[Extracted records]
____

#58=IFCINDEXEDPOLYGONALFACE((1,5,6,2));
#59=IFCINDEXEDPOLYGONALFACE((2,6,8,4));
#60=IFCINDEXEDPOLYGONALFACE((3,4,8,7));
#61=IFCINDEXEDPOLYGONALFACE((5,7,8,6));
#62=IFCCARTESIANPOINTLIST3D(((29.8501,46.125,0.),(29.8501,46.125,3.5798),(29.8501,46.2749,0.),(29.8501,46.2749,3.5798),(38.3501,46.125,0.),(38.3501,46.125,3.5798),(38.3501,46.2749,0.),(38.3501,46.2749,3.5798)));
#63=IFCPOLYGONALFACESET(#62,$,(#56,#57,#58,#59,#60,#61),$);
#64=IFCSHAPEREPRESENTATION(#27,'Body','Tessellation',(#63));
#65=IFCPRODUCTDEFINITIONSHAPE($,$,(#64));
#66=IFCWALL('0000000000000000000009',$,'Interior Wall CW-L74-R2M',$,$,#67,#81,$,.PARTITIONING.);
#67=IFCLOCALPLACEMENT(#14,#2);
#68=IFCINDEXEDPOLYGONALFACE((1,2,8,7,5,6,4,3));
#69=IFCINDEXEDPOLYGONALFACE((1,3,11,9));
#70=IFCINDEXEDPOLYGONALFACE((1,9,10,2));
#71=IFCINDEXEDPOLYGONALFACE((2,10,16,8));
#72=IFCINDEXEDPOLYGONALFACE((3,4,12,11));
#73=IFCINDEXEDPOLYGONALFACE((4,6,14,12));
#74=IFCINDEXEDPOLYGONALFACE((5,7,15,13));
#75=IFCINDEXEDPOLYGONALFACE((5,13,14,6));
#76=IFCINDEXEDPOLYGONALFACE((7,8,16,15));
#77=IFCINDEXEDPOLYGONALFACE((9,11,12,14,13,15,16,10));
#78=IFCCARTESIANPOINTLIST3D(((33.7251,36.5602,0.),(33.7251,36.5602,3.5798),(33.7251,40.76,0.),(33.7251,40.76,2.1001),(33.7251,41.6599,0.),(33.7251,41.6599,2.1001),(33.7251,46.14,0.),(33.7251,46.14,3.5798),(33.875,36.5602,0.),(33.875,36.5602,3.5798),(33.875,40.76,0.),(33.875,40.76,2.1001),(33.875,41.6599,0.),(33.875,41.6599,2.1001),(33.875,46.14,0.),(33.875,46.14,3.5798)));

____

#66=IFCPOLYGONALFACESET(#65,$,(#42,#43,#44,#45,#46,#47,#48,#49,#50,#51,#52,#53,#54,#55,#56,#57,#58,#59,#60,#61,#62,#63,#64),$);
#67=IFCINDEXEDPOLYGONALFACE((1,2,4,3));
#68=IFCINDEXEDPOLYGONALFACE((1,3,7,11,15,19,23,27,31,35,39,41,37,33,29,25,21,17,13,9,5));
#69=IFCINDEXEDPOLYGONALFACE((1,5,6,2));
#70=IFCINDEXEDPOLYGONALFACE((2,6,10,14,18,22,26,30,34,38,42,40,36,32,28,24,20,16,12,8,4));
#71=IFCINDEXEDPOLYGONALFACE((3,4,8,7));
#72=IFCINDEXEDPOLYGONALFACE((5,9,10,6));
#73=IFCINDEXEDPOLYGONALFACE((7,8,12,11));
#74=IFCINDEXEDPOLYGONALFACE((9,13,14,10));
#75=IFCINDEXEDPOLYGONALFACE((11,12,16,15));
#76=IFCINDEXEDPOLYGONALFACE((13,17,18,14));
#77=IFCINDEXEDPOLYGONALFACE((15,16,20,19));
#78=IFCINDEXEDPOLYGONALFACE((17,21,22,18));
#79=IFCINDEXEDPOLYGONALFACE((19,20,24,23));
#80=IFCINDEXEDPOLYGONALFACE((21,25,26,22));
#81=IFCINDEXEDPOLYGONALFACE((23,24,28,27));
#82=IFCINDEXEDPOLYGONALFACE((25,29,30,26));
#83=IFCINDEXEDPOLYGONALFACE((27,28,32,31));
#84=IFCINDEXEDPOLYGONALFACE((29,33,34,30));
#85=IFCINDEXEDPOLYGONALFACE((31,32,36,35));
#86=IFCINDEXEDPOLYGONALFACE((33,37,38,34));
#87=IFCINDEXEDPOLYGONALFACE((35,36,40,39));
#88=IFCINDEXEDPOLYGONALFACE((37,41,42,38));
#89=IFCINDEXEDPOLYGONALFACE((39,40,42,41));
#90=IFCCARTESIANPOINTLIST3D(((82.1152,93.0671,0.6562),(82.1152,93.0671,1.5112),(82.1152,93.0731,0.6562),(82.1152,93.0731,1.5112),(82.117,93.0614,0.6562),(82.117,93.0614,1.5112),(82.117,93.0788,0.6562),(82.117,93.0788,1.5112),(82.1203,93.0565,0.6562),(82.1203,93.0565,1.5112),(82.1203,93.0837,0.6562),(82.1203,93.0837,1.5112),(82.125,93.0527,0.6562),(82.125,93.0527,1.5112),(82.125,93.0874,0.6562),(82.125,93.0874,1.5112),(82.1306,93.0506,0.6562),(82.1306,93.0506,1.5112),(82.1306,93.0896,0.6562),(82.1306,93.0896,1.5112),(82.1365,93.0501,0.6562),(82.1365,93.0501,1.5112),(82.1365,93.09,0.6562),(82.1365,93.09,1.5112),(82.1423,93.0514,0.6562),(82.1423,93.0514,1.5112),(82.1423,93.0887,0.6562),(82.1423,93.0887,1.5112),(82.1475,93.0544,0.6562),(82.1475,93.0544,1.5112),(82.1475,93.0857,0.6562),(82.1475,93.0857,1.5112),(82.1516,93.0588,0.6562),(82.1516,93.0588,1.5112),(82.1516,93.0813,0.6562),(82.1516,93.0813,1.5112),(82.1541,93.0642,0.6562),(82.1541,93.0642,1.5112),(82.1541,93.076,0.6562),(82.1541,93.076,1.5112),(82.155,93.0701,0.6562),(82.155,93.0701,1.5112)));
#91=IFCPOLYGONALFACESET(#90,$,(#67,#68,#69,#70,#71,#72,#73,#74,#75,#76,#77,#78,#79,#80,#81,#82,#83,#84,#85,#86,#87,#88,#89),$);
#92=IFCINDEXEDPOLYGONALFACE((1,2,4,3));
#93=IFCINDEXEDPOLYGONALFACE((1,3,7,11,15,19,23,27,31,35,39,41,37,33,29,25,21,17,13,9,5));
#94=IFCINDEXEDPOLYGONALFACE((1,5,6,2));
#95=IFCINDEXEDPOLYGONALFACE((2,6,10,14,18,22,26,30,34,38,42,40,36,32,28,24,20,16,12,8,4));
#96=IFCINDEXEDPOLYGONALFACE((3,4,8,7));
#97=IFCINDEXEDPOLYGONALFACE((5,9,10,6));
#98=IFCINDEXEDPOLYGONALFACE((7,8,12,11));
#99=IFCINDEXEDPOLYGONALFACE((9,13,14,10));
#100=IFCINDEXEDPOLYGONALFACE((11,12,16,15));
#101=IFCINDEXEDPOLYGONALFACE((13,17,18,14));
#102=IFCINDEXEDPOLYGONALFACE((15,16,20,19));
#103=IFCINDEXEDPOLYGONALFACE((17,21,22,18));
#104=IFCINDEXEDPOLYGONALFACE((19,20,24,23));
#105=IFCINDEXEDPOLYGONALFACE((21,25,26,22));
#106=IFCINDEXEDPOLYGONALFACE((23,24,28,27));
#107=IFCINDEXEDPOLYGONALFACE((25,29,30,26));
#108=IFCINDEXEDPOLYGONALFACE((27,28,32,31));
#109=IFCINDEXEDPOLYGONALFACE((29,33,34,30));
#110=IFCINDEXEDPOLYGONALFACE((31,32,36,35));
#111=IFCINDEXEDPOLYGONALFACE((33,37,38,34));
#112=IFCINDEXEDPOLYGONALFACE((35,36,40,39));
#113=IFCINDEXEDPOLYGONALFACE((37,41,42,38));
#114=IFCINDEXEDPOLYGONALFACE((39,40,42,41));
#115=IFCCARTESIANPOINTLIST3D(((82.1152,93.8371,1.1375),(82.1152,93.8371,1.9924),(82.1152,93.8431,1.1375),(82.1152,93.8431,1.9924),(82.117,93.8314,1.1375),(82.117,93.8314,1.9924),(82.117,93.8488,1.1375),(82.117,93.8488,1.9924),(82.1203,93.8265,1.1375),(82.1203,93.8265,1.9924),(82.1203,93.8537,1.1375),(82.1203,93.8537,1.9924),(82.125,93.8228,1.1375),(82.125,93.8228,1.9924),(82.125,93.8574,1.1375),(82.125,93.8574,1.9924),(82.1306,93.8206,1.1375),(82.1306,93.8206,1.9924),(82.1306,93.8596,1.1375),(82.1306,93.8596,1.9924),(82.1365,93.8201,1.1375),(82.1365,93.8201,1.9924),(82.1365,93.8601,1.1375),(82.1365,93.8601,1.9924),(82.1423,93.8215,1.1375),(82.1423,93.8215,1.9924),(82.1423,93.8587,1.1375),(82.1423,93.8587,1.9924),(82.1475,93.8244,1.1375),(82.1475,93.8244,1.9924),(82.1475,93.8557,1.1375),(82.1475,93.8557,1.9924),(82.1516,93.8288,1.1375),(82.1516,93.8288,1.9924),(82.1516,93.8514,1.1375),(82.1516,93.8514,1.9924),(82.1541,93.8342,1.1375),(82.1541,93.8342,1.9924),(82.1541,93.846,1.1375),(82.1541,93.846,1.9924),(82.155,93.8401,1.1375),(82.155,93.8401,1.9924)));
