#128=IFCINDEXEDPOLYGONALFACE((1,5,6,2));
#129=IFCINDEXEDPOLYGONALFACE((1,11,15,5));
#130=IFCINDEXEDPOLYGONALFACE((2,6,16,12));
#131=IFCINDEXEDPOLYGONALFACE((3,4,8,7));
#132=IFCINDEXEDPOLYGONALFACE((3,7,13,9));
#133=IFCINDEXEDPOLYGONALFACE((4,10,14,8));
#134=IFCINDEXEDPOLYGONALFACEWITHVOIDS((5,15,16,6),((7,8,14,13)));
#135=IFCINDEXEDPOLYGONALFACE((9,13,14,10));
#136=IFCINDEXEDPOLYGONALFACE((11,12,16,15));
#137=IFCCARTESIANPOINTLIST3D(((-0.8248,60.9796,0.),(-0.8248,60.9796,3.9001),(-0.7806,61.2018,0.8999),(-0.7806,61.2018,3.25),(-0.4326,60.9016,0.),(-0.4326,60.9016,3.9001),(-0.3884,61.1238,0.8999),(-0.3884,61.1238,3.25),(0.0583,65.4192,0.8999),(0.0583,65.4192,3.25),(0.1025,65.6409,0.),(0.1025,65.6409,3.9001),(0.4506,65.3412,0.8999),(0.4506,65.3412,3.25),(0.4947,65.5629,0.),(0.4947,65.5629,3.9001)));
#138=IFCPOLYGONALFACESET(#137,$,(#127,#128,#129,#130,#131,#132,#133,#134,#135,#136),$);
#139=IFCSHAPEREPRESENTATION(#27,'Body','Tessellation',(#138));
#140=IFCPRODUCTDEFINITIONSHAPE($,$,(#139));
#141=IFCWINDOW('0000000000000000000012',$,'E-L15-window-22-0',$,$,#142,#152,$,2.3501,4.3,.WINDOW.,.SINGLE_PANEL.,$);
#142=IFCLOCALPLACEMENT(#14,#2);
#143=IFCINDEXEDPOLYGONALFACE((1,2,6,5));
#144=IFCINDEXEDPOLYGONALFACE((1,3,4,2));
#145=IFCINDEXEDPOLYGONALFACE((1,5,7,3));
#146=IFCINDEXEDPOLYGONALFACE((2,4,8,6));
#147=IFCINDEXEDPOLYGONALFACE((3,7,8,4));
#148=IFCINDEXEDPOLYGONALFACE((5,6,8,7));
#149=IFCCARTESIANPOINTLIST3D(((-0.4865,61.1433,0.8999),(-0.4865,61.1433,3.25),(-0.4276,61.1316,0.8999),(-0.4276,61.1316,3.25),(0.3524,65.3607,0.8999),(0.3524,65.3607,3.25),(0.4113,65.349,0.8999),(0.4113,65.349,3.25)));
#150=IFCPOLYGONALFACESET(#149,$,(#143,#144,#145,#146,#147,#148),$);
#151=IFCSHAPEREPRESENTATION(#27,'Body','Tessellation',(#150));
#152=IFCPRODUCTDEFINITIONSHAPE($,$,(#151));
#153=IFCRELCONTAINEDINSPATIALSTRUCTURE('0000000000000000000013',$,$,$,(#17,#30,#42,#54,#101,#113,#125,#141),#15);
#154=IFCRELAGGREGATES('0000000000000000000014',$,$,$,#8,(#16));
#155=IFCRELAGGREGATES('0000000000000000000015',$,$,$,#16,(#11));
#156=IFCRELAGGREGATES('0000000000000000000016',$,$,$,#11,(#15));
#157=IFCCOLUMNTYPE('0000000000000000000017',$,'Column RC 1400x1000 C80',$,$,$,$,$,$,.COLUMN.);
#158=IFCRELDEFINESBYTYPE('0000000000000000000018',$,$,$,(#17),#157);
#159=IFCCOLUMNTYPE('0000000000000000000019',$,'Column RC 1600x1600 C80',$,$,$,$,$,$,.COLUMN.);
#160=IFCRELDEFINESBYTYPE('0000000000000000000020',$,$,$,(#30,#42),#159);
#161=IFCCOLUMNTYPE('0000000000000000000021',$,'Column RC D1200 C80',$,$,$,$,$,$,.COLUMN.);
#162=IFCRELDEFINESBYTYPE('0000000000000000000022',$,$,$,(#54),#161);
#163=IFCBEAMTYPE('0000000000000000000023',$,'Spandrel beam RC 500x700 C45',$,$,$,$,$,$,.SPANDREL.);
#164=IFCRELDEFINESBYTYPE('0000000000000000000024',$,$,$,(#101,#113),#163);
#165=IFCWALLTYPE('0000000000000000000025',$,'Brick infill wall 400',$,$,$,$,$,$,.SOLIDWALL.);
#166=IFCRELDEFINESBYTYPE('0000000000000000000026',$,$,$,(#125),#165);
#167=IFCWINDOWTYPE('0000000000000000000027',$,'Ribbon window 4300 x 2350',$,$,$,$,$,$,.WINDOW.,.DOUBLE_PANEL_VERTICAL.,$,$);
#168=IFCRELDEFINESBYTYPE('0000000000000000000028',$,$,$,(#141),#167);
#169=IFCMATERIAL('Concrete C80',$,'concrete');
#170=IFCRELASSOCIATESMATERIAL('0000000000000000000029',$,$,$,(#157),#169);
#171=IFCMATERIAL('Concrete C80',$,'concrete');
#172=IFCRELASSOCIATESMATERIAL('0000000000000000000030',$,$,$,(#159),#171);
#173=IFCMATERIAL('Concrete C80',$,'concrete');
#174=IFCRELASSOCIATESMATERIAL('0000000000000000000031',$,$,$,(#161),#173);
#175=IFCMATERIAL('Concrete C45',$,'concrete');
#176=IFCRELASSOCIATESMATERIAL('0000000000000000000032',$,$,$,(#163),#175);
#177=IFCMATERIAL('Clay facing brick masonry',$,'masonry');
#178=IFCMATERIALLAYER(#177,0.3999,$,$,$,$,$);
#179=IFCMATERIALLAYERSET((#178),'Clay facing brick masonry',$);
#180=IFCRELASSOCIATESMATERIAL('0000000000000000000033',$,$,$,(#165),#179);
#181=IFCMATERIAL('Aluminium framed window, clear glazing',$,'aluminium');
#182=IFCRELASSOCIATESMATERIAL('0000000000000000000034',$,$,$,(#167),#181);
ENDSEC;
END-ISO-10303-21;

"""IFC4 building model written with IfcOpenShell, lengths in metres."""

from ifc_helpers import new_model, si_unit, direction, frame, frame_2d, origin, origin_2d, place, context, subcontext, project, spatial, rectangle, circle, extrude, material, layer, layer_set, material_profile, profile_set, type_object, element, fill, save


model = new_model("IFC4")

____

> [Task]
In the entries above, find the line holding "#140=IFCPRODUCTDEFINITIONSHAPE($,$,(#139));" and the line holding "#146=IFCINDEXEDPOLYGONALFACE((2,4,8,6));", then retype exactly those two lines and every line between them, and nothing else.

> [Exercise result]
#140=IFCPRODUCTDEFINITIONSHAPE($,$,(#139));
#141=IFCWINDOW('0000000000000000000012',$,'E-L15-window-22-0',$,$,#142,#152,$,2.3501,4.3,.WINDOW.,.SINGLE_PANEL.,$);
#142=IFCLOCALPLACEMENT(#14,#2);
#143=IFCINDEXEDPOLYGONALFACE((1,2,6,5));
#144=IFCINDEXEDPOLYGONALFACE((1,3,4,2));
#145=IFCINDEXEDPOLYGONALFACE((1,5,7,3));
#146=IFCINDEXEDPOLYGONALFACE((2,4,8,6));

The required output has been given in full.